# [WORK INSTRUCTIONS]
The output should be all lines of the entries below in which the word "IFCRELAGGREGATES" occurs.

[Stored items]
>>>>>

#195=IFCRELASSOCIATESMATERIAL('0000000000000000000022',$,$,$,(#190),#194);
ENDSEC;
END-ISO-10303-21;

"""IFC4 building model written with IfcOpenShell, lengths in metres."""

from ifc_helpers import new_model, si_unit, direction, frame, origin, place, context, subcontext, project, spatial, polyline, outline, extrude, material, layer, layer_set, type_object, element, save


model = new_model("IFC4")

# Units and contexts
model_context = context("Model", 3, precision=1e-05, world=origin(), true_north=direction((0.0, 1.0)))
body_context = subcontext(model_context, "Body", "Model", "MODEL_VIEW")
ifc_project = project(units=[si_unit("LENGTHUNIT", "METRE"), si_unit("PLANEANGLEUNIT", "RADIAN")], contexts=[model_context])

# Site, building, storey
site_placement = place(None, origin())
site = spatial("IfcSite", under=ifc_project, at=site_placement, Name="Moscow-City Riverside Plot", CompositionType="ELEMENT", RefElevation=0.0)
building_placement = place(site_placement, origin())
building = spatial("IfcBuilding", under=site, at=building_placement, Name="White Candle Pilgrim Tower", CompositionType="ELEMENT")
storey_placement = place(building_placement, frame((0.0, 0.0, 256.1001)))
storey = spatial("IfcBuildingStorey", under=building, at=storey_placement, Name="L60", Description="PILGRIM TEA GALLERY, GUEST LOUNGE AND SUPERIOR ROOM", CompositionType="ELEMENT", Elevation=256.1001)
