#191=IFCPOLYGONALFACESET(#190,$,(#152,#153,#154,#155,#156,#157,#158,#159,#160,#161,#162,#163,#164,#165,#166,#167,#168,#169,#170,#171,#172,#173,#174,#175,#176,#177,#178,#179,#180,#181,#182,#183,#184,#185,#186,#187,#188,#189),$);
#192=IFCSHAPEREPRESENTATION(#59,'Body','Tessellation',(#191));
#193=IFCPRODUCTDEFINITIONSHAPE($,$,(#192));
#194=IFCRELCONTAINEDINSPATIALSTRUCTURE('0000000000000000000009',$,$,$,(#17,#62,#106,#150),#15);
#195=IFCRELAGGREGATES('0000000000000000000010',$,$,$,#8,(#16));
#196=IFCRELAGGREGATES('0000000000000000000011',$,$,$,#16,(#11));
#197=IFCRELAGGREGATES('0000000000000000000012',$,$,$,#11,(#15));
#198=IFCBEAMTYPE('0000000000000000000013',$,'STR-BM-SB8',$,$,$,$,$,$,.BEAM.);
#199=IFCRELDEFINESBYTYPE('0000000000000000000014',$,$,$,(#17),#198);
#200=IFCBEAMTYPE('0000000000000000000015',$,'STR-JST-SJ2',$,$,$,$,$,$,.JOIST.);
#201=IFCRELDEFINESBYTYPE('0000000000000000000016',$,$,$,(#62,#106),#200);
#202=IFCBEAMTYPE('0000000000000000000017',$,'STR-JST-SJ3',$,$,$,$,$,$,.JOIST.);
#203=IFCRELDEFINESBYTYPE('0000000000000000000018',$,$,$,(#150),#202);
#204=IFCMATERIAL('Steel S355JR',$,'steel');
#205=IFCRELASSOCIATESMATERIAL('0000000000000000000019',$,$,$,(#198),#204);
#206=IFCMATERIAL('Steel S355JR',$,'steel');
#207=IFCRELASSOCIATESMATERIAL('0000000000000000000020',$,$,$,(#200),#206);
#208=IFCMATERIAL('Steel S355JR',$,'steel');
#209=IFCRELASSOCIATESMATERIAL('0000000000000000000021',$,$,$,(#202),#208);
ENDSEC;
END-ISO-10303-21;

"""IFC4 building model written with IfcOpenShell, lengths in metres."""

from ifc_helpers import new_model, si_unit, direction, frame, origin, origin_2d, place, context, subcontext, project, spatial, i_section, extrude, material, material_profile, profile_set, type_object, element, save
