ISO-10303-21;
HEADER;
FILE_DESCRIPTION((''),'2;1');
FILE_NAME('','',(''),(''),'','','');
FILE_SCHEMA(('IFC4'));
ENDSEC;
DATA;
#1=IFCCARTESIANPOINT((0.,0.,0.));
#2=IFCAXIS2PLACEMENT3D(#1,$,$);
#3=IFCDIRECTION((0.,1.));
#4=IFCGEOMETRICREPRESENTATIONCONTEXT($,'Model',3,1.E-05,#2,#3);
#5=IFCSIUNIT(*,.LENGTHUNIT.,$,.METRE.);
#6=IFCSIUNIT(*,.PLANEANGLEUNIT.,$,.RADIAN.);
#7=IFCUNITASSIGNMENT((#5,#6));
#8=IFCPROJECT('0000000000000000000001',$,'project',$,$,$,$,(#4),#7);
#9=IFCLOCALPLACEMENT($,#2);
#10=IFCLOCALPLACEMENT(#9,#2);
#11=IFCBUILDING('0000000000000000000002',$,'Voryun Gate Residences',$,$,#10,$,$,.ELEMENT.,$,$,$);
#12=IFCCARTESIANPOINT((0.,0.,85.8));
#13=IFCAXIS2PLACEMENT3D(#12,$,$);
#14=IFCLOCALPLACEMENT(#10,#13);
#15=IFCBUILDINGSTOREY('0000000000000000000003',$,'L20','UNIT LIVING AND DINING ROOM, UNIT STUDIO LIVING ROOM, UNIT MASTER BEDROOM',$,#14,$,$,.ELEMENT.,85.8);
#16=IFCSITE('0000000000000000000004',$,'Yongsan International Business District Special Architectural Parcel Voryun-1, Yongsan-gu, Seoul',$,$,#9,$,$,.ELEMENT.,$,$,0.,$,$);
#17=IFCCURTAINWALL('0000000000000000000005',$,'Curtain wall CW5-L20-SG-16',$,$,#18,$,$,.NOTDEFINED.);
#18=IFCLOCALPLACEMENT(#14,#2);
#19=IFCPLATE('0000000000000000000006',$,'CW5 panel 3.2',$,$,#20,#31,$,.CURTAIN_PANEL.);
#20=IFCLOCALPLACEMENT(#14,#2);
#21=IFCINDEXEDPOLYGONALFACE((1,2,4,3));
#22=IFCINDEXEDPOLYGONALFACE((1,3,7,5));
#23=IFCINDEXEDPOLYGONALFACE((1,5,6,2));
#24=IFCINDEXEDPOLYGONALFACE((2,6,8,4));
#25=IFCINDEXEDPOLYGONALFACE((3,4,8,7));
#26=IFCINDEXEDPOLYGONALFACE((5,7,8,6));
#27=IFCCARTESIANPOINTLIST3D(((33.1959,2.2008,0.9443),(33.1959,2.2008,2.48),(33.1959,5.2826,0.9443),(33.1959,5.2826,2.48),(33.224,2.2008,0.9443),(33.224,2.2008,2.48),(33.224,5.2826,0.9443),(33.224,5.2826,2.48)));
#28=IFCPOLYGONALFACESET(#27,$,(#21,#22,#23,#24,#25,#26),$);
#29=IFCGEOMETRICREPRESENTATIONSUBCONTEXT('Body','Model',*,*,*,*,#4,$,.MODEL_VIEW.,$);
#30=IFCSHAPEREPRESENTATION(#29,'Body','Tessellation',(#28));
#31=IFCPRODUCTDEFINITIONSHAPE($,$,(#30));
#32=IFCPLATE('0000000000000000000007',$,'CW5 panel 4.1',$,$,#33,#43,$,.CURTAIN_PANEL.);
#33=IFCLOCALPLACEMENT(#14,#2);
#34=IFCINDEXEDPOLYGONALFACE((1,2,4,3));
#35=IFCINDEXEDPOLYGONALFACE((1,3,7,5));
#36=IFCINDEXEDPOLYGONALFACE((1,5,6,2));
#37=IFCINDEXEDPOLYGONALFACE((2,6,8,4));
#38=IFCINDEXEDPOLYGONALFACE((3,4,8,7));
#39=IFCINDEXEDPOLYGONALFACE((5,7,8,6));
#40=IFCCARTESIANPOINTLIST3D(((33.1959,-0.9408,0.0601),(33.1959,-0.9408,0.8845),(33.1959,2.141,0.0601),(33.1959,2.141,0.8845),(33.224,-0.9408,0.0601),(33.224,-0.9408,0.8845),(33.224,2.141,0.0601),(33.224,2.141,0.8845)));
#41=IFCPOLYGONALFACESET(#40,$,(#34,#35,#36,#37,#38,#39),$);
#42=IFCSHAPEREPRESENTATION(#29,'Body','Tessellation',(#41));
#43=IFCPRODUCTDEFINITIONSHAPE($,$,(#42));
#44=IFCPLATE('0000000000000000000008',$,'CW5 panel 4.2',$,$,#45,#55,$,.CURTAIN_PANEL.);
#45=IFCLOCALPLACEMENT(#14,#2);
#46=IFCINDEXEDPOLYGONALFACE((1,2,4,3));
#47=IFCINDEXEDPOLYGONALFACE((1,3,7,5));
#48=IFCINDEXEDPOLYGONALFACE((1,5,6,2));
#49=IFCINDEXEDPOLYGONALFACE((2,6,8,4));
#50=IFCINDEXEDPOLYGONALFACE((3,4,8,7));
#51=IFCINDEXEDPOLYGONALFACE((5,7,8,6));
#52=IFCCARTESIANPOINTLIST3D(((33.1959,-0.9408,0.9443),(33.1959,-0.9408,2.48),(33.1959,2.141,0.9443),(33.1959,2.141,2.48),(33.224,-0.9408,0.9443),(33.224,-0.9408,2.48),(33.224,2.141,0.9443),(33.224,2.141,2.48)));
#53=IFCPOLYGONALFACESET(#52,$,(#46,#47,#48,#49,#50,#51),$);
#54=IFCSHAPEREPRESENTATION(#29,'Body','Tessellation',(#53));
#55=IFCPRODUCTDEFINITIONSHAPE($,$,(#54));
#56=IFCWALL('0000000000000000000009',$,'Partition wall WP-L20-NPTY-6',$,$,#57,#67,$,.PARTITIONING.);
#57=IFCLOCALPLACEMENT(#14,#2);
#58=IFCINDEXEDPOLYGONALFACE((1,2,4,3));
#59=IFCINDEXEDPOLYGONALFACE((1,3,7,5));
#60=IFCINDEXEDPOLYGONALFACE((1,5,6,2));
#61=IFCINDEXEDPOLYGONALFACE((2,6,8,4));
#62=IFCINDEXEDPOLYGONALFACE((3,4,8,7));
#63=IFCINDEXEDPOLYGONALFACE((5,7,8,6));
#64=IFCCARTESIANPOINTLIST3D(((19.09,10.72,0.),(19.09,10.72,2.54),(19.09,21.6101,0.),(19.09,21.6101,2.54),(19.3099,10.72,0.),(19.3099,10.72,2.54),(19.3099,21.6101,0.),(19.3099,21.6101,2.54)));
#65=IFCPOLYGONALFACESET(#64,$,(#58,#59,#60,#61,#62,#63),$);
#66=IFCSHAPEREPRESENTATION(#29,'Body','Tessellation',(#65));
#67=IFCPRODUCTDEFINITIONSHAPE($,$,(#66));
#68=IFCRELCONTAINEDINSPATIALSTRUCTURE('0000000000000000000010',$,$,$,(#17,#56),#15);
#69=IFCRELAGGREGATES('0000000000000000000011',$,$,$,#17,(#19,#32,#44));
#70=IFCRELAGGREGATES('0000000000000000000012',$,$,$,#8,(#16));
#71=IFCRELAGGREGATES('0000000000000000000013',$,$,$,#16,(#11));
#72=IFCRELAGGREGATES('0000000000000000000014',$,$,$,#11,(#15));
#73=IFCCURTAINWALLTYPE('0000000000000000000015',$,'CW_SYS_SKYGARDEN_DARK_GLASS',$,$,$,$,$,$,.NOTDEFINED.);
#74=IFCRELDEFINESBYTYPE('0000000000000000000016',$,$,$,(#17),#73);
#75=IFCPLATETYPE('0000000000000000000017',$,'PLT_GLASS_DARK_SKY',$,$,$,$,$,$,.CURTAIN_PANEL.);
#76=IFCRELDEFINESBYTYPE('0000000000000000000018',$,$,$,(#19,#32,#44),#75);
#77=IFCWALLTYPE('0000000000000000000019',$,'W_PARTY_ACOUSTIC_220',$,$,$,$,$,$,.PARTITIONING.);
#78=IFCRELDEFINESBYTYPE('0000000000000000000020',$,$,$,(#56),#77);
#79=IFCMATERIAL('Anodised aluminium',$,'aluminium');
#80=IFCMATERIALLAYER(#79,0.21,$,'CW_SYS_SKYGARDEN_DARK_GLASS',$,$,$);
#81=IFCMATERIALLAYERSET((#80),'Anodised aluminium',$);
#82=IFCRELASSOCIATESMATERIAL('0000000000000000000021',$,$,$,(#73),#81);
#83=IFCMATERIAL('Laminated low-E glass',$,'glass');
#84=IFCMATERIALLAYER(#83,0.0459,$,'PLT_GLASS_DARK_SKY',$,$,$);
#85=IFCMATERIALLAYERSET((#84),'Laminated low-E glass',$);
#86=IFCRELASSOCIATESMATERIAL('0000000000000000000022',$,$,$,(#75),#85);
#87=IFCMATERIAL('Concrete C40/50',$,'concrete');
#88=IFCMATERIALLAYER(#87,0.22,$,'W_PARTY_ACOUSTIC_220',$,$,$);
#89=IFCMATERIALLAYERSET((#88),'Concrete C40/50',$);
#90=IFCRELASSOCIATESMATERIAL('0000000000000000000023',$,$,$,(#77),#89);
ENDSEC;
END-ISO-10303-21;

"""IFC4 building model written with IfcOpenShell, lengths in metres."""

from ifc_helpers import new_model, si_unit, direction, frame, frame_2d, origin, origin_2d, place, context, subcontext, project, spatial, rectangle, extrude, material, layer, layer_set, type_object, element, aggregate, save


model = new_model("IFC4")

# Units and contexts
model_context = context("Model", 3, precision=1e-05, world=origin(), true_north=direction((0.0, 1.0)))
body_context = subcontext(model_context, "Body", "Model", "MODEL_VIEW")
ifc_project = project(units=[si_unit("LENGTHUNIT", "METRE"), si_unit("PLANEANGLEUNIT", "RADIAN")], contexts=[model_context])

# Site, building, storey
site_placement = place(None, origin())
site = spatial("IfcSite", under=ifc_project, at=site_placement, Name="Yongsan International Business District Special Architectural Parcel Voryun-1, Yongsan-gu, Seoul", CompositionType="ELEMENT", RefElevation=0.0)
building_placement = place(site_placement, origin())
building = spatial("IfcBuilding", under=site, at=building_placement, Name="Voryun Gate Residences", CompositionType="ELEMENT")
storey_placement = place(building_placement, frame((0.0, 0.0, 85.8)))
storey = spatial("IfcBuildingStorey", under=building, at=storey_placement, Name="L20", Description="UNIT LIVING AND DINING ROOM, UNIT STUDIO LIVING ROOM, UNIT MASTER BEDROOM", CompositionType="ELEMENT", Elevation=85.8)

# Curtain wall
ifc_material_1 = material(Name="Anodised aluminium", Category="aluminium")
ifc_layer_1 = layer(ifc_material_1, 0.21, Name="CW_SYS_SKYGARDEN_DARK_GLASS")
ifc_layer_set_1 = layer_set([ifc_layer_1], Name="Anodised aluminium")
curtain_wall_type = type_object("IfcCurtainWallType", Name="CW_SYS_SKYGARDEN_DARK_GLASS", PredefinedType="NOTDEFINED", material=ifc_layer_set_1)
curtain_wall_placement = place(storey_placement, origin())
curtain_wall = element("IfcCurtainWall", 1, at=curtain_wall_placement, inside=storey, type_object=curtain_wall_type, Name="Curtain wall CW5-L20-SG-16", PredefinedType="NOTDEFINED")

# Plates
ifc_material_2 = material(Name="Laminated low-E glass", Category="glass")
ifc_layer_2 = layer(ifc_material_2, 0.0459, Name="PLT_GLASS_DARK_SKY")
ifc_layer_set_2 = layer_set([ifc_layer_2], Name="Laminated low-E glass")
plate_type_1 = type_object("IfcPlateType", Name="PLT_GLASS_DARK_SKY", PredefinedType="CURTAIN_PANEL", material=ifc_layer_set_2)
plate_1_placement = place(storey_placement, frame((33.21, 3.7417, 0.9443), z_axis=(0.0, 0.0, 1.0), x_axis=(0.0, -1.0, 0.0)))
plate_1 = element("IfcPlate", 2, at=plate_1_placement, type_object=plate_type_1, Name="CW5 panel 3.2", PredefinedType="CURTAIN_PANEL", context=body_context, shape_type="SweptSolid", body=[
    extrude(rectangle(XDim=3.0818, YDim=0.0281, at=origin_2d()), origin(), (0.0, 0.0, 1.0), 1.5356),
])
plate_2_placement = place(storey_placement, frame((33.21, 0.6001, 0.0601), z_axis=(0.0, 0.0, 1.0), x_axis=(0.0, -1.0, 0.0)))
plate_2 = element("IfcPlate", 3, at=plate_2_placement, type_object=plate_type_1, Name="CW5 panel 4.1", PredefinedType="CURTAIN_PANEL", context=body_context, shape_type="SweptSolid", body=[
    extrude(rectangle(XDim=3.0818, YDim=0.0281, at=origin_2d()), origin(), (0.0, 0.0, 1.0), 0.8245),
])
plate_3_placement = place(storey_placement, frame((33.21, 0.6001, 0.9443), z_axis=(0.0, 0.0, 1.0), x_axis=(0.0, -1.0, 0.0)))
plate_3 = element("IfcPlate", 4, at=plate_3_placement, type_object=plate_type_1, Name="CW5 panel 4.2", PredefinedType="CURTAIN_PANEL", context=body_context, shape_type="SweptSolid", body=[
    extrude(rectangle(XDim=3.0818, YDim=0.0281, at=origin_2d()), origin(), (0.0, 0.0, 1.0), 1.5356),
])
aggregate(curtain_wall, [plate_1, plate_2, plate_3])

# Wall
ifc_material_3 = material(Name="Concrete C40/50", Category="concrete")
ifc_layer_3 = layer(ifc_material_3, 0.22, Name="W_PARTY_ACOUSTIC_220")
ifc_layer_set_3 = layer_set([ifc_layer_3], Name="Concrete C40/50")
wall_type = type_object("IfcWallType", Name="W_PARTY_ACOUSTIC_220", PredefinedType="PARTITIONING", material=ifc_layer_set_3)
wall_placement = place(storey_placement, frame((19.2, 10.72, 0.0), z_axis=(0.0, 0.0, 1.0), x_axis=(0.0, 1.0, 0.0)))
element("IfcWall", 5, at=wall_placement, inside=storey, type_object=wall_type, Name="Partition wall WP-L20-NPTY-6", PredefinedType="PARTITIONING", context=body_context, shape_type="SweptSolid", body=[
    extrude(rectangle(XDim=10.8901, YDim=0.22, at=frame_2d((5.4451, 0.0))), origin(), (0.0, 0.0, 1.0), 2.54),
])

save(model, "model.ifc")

<<<<<

# [EXERCISE ANSWER]
#195=IFCRELAGGREGATES('0000000000000000000010',$,$,$,#8,(#16));
#196=IFCRELAGGREGATES('0000000000000000000011',$,$,$,#16,(#11));
#197=IFCRELAGGREGATES('0000000000000000000012',$,$,$,#11,(#15));
#69=IFCRELAGGREGATES('0000000000000000000011',$,$,$,#17,(#19,#32,#44));
#70=IFCRELAGGREGATES('0000000000000000000012',$,$,$,#8,(#16));
#71=IFCRELAGGREGATES('0000000000000000000013',$,$,$,#16,(#11));
#72=IFCRELAGGREGATES('0000000000000000000014',$,$,$,#11,(#15));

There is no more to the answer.